Task inputs
::::

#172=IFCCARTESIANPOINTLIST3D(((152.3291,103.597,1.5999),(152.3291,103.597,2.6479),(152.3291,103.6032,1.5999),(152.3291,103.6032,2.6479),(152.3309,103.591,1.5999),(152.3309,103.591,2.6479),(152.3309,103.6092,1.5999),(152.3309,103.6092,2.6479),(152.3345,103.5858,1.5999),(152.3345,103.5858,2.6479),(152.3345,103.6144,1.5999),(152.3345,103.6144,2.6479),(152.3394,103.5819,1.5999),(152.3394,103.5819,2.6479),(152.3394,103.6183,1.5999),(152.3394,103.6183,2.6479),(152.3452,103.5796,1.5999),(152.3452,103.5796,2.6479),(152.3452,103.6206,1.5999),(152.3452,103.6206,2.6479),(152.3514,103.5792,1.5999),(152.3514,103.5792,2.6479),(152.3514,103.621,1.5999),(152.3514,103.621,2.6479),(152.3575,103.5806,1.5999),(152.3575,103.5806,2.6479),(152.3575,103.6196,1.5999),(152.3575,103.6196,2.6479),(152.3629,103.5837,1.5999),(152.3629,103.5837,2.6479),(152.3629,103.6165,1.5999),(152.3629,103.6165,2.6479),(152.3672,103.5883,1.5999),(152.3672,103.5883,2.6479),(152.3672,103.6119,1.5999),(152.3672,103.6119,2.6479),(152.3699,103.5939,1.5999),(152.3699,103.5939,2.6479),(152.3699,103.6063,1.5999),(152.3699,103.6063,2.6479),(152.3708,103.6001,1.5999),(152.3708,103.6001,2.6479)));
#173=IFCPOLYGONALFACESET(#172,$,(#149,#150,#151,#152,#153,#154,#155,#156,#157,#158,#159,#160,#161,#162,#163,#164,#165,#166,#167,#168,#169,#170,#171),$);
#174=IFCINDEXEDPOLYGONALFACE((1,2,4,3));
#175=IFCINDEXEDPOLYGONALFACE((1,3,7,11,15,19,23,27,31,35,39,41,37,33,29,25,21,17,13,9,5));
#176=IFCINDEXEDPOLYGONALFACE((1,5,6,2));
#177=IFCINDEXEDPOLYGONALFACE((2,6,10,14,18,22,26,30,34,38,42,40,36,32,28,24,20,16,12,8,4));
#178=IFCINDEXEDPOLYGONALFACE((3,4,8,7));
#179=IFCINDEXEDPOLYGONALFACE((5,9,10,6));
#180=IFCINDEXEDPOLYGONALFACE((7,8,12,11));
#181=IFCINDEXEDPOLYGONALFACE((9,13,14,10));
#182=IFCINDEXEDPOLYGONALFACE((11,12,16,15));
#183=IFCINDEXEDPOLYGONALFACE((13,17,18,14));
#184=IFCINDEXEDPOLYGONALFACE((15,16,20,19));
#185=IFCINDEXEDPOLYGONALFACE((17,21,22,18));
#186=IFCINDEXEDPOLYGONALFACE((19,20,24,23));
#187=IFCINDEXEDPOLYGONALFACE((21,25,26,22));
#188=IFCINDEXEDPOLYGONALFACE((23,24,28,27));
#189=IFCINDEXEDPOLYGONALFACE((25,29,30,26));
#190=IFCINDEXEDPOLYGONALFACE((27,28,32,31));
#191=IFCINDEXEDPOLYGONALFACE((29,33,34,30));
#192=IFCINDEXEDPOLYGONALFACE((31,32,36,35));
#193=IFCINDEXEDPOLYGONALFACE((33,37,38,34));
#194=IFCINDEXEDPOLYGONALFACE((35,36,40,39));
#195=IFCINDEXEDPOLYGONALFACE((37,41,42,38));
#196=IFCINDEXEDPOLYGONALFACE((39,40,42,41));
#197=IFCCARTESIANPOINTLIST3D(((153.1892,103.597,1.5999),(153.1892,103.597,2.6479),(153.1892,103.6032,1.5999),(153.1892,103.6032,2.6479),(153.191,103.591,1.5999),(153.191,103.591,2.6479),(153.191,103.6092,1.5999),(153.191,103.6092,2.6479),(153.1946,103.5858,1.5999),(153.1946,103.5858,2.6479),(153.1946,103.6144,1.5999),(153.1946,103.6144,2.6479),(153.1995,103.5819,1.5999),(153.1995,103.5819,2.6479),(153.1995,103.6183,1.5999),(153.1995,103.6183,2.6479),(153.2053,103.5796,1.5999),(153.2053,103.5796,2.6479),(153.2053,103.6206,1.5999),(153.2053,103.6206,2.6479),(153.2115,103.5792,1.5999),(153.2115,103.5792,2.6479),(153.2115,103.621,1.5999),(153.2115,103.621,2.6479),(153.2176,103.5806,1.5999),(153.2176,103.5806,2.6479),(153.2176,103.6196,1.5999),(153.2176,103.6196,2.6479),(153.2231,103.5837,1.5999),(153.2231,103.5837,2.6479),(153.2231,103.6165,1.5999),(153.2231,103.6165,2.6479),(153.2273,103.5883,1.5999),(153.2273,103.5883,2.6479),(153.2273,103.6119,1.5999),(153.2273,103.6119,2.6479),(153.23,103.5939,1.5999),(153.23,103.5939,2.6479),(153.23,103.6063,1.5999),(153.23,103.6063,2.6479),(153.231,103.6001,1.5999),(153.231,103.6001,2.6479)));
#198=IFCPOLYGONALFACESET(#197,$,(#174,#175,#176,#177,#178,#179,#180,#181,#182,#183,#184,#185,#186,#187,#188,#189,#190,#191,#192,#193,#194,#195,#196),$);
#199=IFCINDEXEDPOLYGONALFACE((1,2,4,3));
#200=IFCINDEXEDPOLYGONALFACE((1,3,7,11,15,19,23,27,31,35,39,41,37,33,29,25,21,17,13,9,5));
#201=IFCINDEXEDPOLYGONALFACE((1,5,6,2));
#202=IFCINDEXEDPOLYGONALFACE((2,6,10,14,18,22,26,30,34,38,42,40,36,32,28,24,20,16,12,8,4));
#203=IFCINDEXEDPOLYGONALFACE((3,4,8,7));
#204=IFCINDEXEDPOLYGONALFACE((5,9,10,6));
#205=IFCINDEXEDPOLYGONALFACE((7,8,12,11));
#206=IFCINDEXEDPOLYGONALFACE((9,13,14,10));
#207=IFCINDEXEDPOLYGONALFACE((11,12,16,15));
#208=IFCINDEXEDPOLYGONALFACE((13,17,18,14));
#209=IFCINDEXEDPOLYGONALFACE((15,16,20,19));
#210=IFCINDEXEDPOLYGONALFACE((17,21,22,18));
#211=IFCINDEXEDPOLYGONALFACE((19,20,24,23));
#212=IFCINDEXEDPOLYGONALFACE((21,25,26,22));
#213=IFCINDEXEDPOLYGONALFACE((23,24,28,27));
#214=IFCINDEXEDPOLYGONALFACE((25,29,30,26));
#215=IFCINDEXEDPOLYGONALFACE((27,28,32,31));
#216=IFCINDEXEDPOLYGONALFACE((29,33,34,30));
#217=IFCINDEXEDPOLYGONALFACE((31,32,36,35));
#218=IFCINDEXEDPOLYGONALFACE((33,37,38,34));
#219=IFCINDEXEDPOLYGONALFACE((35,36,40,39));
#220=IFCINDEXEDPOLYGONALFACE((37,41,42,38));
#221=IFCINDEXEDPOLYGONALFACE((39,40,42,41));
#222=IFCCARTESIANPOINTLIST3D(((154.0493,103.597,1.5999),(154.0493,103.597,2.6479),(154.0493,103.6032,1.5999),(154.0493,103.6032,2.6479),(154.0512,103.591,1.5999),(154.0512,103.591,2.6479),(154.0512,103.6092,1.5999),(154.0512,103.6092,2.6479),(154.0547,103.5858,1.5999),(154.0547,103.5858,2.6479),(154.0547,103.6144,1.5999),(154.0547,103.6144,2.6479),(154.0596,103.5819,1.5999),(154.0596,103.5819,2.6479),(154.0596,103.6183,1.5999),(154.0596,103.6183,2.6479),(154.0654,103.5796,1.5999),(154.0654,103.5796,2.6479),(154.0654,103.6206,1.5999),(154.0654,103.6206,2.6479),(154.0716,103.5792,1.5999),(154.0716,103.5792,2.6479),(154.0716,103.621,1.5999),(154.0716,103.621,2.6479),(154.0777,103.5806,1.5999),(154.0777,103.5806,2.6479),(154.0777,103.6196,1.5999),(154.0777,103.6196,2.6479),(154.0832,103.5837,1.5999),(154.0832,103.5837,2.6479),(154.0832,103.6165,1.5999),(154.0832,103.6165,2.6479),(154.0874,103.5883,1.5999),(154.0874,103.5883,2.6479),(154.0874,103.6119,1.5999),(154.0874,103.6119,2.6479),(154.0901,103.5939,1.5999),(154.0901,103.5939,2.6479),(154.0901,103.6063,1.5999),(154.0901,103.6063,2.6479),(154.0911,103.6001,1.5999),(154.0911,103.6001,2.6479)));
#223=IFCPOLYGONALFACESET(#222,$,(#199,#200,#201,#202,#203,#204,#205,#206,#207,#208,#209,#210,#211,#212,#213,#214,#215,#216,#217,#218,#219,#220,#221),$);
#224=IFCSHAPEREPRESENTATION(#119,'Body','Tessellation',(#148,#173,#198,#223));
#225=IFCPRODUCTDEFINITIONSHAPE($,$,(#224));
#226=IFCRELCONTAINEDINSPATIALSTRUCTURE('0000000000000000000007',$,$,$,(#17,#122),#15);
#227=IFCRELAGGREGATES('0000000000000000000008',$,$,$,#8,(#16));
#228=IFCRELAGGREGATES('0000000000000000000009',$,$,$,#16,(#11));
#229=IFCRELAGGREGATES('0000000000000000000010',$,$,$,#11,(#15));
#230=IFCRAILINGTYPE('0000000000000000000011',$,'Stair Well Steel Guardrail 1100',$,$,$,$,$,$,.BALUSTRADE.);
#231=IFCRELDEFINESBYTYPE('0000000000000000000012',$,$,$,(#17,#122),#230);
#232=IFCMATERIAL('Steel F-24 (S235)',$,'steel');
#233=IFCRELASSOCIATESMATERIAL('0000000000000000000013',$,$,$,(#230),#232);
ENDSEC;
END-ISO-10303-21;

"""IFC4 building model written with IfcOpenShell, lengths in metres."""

::::

From the listing above, return the lines starting at the one with "#209=IFCINDEXEDPOLYGONALFACE((15,16,20,19));" and ending at the one with "#220=IFCINDEXEDPOLYGONALFACE((37,41,42,38));", both kept, exactly as they appear and nothing more.

#209=IFCINDEXEDPOLYGONALFACE((15,16,20,19));
#210=IFCINDEXEDPOLYGONALFACE((17,21,22,18));
#211=IFCINDEXEDPOLYGONALFACE((19,20,24,23));
#212=IFCINDEXEDPOLYGONALFACE((21,25,26,22));
#213=IFCINDEXEDPOLYGONALFACE((23,24,28,27));
#214=IFCINDEXEDPOLYGONALFACE((25,29,30,26));
#215=IFCINDEXEDPOLYGONALFACE((27,28,32,31));
#216=IFCINDEXEDPOLYGONALFACE((29,33,34,30));
#217=IFCINDEXEDPOLYGONALFACE((31,32,36,35));
#218=IFCINDEXEDPOLYGONALFACE((33,37,38,34));
#219=IFCINDEXEDPOLYGONALFACE((35,36,40,39));
#220=IFCINDEXEDPOLYGONALFACE((37,41,42,38));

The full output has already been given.